▶ About this exercise:
The output should be every line below that includes the word "lounge".

▶ Dataset records:
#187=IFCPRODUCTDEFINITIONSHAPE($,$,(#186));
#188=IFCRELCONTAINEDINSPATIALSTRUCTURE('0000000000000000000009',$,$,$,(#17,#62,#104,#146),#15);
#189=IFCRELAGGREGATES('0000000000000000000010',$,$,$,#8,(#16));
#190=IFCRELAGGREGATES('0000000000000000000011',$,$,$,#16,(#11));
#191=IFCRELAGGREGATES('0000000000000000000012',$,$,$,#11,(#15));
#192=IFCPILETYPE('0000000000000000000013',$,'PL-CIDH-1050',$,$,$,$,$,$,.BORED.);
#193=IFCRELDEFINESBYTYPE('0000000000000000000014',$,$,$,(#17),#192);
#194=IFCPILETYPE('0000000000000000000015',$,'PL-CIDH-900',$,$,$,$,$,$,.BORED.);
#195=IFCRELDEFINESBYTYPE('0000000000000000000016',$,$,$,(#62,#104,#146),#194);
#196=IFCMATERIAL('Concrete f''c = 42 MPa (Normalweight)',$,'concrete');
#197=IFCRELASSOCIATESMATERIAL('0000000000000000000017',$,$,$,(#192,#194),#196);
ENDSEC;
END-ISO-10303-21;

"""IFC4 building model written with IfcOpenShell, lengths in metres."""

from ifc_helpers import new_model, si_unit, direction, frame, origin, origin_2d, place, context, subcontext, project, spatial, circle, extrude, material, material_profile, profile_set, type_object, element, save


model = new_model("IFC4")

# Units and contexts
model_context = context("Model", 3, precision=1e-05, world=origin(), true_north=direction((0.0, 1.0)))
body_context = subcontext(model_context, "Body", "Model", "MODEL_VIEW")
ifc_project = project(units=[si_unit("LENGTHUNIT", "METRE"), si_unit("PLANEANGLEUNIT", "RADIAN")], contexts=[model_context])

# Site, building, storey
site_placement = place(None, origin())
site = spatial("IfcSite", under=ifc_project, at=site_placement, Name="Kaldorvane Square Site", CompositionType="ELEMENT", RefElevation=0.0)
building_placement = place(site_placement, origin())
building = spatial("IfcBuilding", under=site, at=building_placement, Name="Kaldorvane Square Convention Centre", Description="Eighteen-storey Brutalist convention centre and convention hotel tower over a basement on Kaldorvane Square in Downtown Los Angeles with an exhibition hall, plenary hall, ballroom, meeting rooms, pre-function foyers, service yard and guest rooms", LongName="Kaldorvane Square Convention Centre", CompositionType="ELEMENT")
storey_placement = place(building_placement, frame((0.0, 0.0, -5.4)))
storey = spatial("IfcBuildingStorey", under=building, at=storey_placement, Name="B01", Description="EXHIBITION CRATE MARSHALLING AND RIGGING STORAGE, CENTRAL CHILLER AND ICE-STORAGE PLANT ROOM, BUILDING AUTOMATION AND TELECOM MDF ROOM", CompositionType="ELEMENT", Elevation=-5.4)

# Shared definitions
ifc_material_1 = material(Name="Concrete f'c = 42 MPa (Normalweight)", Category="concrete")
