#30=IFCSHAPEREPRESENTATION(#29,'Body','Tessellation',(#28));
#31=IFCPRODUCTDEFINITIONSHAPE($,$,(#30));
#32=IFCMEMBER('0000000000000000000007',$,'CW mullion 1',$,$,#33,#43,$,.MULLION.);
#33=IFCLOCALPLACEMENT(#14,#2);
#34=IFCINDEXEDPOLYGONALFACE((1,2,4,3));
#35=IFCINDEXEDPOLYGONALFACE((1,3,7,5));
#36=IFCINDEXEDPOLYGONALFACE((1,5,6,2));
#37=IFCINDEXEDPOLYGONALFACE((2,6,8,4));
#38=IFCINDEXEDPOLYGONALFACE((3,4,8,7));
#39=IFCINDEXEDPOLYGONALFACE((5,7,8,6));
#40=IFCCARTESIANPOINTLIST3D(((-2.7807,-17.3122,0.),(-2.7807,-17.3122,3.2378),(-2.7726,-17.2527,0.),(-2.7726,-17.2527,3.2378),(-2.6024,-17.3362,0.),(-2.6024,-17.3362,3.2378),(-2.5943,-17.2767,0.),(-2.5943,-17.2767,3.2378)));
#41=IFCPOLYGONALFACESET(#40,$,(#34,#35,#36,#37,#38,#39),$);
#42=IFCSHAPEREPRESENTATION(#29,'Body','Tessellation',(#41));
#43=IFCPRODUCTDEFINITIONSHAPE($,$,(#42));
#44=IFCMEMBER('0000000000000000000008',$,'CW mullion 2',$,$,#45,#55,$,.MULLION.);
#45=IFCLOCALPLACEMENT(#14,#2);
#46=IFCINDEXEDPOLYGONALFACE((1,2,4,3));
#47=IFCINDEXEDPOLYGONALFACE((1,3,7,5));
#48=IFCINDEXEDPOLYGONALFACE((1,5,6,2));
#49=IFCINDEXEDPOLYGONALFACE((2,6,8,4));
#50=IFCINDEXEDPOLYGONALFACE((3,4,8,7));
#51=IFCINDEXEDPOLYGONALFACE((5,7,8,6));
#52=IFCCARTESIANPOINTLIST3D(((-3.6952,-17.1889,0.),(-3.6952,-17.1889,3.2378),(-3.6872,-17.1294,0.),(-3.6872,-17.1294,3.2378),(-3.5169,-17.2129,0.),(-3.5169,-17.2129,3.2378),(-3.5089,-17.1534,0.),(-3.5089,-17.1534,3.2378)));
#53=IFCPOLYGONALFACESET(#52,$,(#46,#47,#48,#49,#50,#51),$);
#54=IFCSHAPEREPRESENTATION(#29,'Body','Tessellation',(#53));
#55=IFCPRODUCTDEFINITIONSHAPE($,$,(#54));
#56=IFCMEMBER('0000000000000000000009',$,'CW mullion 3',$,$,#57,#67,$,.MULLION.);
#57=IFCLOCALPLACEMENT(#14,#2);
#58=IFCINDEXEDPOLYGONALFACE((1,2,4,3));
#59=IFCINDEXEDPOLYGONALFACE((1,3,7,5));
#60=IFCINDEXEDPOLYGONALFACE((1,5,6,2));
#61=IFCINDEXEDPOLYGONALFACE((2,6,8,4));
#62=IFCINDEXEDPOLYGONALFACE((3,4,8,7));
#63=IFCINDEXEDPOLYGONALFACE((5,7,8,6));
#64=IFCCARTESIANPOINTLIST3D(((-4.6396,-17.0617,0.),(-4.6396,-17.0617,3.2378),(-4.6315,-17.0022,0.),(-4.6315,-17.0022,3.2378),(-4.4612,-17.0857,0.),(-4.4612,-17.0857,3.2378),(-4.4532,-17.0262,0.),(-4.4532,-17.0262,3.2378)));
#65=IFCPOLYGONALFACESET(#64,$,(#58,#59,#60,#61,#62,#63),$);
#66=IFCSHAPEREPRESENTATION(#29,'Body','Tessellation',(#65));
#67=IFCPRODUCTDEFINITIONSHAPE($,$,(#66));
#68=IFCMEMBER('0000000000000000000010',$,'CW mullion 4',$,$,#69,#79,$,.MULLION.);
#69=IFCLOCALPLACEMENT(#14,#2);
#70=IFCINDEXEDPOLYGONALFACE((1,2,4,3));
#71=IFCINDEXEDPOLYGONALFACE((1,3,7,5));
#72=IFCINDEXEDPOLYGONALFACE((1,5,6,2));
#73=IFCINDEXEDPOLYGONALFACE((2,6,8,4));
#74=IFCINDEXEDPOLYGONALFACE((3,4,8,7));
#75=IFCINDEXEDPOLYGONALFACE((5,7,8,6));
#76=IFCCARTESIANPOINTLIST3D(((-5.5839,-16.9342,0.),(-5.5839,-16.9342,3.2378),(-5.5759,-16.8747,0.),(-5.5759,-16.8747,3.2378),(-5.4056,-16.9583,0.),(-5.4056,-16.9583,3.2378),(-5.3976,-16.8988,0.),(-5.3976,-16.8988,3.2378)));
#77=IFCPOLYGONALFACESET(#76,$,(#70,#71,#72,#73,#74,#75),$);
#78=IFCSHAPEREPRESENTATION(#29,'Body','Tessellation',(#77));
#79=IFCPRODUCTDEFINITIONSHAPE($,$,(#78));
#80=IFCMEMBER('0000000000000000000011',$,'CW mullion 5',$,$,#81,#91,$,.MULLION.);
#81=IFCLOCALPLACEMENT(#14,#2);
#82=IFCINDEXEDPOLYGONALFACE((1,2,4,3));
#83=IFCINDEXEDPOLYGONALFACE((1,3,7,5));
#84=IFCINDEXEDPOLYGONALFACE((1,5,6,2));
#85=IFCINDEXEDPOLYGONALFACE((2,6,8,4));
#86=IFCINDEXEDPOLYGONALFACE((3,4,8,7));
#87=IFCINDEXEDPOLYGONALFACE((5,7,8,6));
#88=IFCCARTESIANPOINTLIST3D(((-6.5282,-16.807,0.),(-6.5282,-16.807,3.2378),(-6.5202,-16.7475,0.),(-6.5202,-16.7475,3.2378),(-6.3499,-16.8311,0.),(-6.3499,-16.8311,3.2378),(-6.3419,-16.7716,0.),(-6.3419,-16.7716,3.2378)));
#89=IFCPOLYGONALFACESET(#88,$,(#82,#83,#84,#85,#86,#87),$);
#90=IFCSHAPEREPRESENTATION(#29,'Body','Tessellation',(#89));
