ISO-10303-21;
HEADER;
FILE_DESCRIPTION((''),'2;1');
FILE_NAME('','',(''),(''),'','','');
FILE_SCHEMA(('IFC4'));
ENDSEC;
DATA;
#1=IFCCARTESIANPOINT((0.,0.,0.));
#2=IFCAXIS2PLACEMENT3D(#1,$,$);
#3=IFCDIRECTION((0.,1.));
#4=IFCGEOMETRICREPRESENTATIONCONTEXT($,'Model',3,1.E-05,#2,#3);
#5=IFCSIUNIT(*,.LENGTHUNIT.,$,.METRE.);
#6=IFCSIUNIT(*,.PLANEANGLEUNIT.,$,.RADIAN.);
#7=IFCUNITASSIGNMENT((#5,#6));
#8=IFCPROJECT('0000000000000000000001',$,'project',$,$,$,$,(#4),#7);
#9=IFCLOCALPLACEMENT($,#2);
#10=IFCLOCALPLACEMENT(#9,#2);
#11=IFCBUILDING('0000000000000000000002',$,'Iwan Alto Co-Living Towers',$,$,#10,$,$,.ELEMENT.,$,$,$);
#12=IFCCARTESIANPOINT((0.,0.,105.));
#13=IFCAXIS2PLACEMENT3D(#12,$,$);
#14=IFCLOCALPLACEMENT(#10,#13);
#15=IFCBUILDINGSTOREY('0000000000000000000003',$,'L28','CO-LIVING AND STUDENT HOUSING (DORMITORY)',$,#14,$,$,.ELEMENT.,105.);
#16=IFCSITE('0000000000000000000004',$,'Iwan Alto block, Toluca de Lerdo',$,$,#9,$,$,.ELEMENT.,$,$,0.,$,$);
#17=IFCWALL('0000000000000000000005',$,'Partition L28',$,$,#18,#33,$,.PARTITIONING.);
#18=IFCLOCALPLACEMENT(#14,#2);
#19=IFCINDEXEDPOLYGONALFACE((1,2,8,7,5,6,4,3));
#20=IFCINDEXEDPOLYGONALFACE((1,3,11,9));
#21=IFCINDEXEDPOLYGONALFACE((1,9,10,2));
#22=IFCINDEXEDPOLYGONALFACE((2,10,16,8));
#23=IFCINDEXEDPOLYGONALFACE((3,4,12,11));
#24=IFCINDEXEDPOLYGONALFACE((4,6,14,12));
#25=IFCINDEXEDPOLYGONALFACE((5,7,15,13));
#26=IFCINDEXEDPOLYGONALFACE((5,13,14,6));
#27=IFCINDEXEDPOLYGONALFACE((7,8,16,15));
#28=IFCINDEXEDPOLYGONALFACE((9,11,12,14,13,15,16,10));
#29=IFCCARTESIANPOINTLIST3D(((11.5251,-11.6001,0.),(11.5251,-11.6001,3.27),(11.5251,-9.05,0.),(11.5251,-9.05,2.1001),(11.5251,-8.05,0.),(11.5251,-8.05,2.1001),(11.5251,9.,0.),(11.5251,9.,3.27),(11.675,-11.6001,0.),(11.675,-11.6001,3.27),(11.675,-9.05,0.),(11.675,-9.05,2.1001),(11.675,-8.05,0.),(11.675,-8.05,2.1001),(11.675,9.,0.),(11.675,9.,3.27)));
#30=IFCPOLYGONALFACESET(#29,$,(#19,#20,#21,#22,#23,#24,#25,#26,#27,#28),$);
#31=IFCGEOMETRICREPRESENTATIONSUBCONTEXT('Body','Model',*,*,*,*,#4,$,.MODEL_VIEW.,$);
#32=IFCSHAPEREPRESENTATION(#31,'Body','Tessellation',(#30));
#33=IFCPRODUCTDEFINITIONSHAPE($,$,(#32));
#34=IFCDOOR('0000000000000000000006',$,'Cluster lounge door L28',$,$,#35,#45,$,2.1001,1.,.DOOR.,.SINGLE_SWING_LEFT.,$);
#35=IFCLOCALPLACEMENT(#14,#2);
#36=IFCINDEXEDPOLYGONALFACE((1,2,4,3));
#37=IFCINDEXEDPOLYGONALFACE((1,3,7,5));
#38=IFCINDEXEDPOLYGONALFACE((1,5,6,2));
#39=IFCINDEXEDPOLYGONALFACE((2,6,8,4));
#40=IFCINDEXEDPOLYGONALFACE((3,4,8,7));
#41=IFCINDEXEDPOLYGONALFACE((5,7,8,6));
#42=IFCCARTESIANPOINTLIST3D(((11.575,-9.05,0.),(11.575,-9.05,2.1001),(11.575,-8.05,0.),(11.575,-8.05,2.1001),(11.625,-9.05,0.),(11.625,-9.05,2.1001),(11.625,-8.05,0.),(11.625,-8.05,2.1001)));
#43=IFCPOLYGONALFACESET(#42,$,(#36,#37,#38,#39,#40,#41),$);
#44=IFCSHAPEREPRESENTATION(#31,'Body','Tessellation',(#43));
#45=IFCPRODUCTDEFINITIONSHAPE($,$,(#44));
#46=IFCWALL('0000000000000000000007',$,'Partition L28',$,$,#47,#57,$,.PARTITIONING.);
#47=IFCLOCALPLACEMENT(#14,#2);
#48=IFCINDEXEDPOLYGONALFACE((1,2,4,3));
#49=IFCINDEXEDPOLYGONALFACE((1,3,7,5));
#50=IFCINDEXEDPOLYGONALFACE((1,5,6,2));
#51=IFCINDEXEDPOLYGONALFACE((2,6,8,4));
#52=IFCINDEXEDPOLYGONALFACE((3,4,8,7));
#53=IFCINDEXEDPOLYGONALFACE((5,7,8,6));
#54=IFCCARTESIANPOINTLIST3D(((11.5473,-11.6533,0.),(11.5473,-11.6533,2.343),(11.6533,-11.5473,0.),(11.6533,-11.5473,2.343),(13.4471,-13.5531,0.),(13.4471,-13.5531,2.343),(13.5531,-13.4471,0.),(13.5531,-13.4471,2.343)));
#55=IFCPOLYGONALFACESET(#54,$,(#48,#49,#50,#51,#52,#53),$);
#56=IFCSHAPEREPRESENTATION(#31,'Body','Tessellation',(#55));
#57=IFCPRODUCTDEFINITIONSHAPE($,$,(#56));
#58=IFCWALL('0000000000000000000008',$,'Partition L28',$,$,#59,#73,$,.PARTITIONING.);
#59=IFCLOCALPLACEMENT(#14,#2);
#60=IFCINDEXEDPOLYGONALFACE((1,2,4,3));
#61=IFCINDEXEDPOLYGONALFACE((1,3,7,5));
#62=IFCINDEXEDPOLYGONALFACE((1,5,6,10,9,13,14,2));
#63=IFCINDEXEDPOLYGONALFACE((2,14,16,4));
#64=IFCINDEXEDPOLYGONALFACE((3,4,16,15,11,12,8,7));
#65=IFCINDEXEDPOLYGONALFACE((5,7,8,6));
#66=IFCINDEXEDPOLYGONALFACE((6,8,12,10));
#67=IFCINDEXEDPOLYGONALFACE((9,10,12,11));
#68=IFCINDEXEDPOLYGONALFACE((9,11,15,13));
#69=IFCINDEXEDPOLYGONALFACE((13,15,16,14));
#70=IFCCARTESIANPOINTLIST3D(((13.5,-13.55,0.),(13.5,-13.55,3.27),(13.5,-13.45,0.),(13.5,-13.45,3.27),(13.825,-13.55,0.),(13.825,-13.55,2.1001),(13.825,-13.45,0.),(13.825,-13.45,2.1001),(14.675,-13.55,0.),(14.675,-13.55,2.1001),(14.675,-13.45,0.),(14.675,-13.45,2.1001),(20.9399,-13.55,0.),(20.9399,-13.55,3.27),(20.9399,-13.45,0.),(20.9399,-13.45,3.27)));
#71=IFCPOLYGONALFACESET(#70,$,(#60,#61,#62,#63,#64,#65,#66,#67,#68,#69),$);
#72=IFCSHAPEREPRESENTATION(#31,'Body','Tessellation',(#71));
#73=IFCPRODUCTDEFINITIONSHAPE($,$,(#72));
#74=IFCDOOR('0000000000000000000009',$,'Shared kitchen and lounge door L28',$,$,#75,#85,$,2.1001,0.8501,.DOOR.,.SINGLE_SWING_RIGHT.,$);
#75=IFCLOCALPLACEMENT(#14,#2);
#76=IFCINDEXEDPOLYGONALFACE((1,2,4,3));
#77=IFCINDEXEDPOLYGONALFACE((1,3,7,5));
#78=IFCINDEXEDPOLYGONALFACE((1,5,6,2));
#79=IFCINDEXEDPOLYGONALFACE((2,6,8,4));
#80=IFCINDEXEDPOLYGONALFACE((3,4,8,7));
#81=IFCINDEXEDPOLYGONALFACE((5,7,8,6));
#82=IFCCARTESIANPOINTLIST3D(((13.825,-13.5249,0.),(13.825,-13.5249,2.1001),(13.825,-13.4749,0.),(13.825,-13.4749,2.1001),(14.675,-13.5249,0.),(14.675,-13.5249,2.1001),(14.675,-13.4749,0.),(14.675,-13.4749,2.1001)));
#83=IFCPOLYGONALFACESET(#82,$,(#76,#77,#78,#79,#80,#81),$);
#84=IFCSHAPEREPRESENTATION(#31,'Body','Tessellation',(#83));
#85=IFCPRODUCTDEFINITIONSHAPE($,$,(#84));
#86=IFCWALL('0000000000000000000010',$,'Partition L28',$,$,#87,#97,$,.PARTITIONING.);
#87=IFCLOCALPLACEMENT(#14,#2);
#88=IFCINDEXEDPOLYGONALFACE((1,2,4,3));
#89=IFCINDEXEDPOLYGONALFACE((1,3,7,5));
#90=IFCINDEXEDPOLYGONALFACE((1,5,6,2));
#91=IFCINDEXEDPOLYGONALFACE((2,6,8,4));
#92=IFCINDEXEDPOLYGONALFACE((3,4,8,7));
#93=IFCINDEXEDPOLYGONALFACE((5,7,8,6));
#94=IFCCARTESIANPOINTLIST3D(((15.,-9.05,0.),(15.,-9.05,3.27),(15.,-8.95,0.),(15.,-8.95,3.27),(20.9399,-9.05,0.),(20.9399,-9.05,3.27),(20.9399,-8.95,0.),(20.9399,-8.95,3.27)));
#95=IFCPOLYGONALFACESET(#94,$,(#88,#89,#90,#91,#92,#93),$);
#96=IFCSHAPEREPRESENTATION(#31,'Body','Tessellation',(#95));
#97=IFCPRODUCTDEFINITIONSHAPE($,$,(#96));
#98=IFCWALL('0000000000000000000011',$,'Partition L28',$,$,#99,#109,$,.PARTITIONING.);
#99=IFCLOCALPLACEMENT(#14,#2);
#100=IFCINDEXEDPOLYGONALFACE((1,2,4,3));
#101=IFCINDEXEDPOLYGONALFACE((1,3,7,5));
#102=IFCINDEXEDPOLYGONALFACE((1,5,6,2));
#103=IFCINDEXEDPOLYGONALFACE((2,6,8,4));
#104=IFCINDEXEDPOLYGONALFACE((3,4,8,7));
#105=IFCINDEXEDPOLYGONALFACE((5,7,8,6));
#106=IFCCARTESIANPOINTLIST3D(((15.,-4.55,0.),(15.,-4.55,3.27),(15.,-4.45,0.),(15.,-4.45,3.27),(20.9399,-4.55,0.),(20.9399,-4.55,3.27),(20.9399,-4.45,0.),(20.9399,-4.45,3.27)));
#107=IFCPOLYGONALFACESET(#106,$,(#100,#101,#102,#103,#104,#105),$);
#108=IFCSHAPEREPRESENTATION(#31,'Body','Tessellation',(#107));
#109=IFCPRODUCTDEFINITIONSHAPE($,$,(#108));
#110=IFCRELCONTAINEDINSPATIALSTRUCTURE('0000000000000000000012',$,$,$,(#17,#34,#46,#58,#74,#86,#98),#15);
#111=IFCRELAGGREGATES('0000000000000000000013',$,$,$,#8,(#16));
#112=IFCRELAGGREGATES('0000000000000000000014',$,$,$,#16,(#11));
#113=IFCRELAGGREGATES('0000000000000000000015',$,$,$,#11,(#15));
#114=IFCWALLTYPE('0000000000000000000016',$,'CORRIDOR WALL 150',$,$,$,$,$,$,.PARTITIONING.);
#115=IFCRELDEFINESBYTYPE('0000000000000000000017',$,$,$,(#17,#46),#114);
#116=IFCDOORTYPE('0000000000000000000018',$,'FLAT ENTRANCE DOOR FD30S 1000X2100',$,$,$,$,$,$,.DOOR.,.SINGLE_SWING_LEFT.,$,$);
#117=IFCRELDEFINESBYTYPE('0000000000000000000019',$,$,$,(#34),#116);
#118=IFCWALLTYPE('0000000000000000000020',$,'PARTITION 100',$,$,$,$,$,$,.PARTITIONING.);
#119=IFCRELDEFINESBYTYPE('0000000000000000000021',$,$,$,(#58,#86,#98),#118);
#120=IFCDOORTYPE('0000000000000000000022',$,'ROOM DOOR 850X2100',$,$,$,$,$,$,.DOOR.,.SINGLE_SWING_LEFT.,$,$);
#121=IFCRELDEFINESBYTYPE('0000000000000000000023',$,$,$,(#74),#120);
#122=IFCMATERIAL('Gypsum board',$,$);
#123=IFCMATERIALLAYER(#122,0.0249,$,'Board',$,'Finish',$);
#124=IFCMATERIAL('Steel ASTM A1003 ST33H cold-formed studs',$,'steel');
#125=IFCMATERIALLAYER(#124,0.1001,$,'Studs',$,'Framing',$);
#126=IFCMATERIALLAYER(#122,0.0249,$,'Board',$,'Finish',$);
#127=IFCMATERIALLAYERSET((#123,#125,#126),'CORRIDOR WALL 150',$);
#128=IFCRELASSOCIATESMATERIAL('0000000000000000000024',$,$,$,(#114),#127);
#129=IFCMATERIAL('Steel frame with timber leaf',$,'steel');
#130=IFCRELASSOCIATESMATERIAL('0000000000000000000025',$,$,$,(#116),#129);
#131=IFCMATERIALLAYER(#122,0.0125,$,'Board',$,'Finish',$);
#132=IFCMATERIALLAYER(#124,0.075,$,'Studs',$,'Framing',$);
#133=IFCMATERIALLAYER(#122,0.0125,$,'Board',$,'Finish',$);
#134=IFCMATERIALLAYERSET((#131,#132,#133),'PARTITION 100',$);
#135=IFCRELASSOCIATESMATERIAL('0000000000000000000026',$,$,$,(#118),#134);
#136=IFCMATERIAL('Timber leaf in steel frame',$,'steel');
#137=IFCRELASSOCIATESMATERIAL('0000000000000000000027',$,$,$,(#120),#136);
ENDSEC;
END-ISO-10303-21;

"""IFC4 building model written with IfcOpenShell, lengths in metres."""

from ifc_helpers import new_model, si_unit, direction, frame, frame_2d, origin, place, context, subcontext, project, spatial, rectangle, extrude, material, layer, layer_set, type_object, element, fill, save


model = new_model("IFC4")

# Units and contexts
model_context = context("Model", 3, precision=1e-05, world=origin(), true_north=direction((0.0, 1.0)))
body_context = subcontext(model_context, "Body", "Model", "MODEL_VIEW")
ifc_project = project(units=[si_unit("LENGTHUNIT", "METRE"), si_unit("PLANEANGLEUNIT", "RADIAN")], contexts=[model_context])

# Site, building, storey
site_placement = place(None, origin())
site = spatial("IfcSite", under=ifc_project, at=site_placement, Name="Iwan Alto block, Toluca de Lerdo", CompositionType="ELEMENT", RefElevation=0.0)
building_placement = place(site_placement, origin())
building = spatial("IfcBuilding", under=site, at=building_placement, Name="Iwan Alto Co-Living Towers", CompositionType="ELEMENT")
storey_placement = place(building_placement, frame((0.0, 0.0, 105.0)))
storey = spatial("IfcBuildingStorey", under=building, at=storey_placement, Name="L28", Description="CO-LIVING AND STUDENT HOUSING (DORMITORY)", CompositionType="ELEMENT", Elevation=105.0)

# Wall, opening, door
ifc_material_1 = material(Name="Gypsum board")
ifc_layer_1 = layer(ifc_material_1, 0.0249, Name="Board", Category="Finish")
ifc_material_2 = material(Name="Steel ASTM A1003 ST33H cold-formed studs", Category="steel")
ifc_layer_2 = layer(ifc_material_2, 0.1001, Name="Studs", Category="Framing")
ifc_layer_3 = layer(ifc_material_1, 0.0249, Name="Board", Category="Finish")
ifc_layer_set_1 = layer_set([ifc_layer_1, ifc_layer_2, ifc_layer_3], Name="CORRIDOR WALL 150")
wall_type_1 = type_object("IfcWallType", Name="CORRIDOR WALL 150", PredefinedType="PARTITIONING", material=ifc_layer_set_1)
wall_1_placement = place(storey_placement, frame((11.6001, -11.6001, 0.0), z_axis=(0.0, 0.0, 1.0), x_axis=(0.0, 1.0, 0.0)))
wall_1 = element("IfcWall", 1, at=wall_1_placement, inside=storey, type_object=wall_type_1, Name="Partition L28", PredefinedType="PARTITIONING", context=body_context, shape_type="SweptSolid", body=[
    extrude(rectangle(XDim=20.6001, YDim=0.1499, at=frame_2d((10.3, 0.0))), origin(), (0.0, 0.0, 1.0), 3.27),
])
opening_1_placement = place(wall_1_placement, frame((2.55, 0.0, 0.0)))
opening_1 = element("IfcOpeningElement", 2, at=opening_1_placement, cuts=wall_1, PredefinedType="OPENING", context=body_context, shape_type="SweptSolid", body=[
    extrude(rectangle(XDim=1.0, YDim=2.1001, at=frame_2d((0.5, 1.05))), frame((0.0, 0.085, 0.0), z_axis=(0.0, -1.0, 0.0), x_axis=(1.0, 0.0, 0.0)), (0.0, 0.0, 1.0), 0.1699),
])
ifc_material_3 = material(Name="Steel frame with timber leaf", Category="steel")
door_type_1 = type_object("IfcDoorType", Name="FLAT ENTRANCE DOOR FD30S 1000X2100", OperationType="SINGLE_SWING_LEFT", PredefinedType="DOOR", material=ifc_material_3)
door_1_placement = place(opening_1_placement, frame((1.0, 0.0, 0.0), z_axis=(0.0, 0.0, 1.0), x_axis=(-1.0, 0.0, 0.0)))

▶ Your response:
#34=IFCDOOR('0000000000000000000006',$,'Cluster lounge door L28',$,$,#35,#45,$,2.1001,1.,.DOOR.,.SINGLE_SWING_LEFT.,$);
#74=IFCDOOR('0000000000000000000009',$,'Shared kitchen and lounge door L28',$,$,#75,#85,$,2.1001,0.8501,.DOOR.,.SINGLE_SWING_RIGHT.,$);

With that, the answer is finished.